**What is needed:**
Return, exactly and in full, the lines of the records below starting at the one with "# Curtain wall, plates" and ending at the one with "0.9324), z_axis=(0.0, 0.0, 1.0), x_axis=(0.0, 1.0, 0.0)))", and no other lines.

+++ Data provided +++

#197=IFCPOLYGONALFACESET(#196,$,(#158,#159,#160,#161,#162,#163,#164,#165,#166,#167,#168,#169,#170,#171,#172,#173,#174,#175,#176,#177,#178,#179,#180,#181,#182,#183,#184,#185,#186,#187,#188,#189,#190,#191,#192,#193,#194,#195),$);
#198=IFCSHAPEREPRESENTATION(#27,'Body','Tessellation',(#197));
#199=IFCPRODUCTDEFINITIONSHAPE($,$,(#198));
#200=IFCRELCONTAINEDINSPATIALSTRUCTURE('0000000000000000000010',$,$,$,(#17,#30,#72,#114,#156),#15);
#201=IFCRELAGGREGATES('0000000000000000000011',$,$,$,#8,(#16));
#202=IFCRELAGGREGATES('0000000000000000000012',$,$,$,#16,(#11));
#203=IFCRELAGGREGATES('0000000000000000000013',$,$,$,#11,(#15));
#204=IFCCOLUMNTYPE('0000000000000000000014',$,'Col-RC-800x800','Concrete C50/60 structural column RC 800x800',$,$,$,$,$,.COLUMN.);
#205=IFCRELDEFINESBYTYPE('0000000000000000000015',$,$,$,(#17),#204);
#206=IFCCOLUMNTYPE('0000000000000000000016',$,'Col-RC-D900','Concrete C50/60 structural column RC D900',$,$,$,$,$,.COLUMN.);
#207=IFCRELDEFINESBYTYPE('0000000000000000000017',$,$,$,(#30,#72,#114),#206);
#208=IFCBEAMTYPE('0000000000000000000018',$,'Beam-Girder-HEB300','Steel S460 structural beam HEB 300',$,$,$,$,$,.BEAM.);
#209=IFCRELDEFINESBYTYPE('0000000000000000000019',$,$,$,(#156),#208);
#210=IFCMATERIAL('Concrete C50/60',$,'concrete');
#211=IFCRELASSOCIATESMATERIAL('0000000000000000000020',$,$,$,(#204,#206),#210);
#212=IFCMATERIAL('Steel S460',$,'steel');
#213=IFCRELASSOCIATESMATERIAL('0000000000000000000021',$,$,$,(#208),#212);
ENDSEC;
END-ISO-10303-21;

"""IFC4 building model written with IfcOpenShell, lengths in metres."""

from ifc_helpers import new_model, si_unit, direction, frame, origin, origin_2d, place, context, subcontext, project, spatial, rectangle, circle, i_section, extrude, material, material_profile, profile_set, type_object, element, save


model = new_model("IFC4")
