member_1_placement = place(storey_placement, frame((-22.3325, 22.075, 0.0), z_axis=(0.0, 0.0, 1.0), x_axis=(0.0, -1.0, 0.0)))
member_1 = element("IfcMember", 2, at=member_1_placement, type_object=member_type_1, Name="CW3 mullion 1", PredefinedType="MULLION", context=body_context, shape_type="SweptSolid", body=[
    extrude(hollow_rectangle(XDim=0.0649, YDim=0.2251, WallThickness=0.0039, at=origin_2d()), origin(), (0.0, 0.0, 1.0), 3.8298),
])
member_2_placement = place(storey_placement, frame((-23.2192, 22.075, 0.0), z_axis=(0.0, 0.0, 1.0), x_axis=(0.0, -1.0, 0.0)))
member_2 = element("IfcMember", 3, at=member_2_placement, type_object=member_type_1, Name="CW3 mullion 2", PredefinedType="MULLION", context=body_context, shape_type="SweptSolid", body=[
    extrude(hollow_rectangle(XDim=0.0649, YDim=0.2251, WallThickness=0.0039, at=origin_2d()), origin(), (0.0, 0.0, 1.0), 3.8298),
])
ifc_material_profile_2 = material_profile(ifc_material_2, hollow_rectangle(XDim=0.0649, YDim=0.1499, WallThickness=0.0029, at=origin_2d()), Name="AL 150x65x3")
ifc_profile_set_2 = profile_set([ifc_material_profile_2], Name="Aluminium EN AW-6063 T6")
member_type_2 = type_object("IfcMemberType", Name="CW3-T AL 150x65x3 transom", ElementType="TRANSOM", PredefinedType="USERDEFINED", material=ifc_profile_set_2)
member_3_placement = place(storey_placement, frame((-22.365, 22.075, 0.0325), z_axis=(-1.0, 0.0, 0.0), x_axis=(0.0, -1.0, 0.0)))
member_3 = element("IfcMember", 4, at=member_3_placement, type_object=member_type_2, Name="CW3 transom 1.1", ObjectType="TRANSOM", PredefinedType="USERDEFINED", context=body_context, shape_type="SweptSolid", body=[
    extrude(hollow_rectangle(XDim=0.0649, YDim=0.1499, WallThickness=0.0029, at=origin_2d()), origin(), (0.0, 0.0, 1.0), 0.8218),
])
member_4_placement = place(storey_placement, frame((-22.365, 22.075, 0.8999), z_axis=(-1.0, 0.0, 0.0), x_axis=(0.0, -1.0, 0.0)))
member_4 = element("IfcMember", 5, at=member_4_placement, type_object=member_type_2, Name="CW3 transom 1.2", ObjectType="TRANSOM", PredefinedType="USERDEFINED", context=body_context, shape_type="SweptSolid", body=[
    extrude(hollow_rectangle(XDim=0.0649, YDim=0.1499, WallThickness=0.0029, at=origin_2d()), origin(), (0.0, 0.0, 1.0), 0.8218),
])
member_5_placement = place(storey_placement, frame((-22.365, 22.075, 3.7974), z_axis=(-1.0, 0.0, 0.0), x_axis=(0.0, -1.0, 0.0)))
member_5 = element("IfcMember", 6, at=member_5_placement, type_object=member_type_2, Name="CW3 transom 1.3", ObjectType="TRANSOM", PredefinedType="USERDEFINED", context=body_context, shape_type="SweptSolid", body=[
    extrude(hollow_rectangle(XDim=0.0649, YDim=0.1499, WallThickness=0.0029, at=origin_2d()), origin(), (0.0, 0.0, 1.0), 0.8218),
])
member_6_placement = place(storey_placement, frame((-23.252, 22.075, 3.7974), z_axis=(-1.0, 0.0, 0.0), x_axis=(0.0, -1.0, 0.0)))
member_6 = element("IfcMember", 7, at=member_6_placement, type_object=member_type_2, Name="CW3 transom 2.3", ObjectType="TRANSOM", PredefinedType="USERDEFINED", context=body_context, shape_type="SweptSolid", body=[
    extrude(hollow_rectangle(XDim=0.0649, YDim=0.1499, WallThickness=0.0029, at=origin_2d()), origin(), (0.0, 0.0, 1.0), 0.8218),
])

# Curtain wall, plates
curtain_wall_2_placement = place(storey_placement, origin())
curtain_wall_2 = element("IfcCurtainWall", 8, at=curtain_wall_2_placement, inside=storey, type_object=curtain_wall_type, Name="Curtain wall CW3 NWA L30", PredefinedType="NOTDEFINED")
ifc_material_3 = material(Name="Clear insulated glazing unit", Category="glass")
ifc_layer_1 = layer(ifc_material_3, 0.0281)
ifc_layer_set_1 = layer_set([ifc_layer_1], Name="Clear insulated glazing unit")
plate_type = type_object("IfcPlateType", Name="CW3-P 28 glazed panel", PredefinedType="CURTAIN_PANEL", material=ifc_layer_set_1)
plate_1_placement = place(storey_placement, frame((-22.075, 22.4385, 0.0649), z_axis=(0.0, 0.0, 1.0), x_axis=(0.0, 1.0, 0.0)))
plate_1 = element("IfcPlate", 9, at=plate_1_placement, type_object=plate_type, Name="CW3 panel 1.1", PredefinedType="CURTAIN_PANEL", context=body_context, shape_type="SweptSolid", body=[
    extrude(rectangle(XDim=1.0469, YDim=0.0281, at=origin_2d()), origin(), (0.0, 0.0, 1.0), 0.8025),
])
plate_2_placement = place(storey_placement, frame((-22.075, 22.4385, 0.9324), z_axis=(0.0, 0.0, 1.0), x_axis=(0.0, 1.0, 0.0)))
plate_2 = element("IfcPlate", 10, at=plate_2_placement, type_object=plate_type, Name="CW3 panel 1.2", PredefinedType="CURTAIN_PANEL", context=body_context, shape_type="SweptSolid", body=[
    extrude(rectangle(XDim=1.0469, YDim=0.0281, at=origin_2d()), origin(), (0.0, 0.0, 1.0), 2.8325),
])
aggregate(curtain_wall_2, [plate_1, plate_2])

+++

**Solution to the exercise:**
# Curtain wall, plates
curtain_wall_2_placement = place(storey_placement, origin())
curtain_wall_2 = element("IfcCurtainWall", 8, at=curtain_wall_2_placement, inside=storey, type_object=curtain_wall_type, Name="Curtain wall CW3 NWA L30", PredefinedType="NOTDEFINED")
ifc_material_3 = material(Name="Clear insulated glazing unit", Category="glass")
ifc_layer_1 = layer(ifc_material_3, 0.0281)
ifc_layer_set_1 = layer_set([ifc_layer_1], Name="Clear insulated glazing unit")
plate_type = type_object("IfcPlateType", Name="CW3-P 28 glazed panel", PredefinedType="CURTAIN_PANEL", material=ifc_layer_set_1)
plate_1_placement = place(storey_placement, frame((-22.075, 22.4385, 0.0649), z_axis=(0.0, 0.0, 1.0), x_axis=(0.0, 1.0, 0.0)))
plate_1 = element("IfcPlate", 9, at=plate_1_placement, type_object=plate_type, Name="CW3 panel 1.1", PredefinedType="CURTAIN_PANEL", context=body_context, shape_type="SweptSolid", body=[
    extrude(rectangle(XDim=1.0469, YDim=0.0281, at=origin_2d()), origin(), (0.0, 0.0, 1.0), 0.8025),
])
plate_2_placement = place(storey_placement, frame((-22.075, 22.4385, 0.9324), z_axis=(0.0, 0.0, 1.0), x_axis=(0.0, 1.0, 0.0)))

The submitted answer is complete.